** PROBLEM TO WORK ON **
Lines from the start of the data through the line containing "#175=IFCINDEXEDPOLYGONALFACE((5,7,8,6));" must be given again exactly. Leave the others out.
---------- RECORDS FOR PROCESSING ----------
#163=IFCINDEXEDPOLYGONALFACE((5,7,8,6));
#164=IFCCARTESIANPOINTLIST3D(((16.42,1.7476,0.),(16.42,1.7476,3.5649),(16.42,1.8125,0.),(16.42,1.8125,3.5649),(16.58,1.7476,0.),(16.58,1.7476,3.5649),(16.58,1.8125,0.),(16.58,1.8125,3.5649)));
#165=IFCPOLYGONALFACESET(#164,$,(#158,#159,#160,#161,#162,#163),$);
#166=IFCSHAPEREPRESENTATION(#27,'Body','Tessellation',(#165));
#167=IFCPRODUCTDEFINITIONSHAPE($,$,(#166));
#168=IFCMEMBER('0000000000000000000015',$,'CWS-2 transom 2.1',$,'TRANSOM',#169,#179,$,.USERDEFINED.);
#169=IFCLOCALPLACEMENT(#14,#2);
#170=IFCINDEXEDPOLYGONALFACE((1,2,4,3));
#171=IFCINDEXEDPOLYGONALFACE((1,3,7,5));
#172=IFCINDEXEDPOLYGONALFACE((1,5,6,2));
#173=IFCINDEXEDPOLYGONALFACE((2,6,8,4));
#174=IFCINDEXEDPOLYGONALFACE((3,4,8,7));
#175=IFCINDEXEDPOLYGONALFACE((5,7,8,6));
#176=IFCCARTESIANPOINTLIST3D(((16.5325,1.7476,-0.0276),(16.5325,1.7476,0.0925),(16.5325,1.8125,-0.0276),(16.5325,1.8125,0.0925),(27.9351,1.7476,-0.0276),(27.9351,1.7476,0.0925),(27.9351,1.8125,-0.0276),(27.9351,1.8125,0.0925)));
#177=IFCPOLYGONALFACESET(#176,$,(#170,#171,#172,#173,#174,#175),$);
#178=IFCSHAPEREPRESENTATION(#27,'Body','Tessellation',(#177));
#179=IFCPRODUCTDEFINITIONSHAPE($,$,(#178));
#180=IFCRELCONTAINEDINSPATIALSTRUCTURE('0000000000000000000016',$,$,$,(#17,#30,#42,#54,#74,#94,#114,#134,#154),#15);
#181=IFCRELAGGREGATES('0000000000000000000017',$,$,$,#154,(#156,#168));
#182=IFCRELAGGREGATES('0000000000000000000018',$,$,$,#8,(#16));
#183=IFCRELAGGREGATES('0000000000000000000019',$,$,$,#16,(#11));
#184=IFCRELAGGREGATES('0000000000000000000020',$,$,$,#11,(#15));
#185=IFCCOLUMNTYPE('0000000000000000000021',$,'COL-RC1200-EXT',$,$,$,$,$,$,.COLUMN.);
----------
** RESULT OF THIS EXERCISE **
#163=IFCINDEXEDPOLYGONALFACE((5,7,8,6));
#164=IFCCARTESIANPOINTLIST3D(((16.42,1.7476,0.),(16.42,1.7476,3.5649),(16.42,1.8125,0.),(16.42,1.8125,3.5649),(16.58,1.7476,0.),(16.58,1.7476,3.5649),(16.58,1.8125,0.),(16.58,1.8125,3.5649)));
#165=IFCPOLYGONALFACESET(#164,$,(#158,#159,#160,#161,#162,#163),$);
#166=IFCSHAPEREPRESENTATION(#27,'Body','Tessellation',(#165));
#167=IFCPRODUCTDEFINITIONSHAPE($,$,(#166));
#168=IFCMEMBER('0000000000000000000015',$,'CWS-2 transom 2.1',$,'TRANSOM',#169,#179,$,.USERDEFINED.);
#169=IFCLOCALPLACEMENT(#14,#2);
#170=IFCINDEXEDPOLYGONALFACE((1,2,4,3));
#171=IFCINDEXEDPOLYGONALFACE((1,3,7,5));
#172=IFCINDEXEDPOLYGONALFACE((1,5,6,2));
#173=IFCINDEXEDPOLYGONALFACE((2,6,8,4));
#174=IFCINDEXEDPOLYGONALFACE((3,4,8,7));
#175=IFCINDEXEDPOLYGONALFACE((5,7,8,6));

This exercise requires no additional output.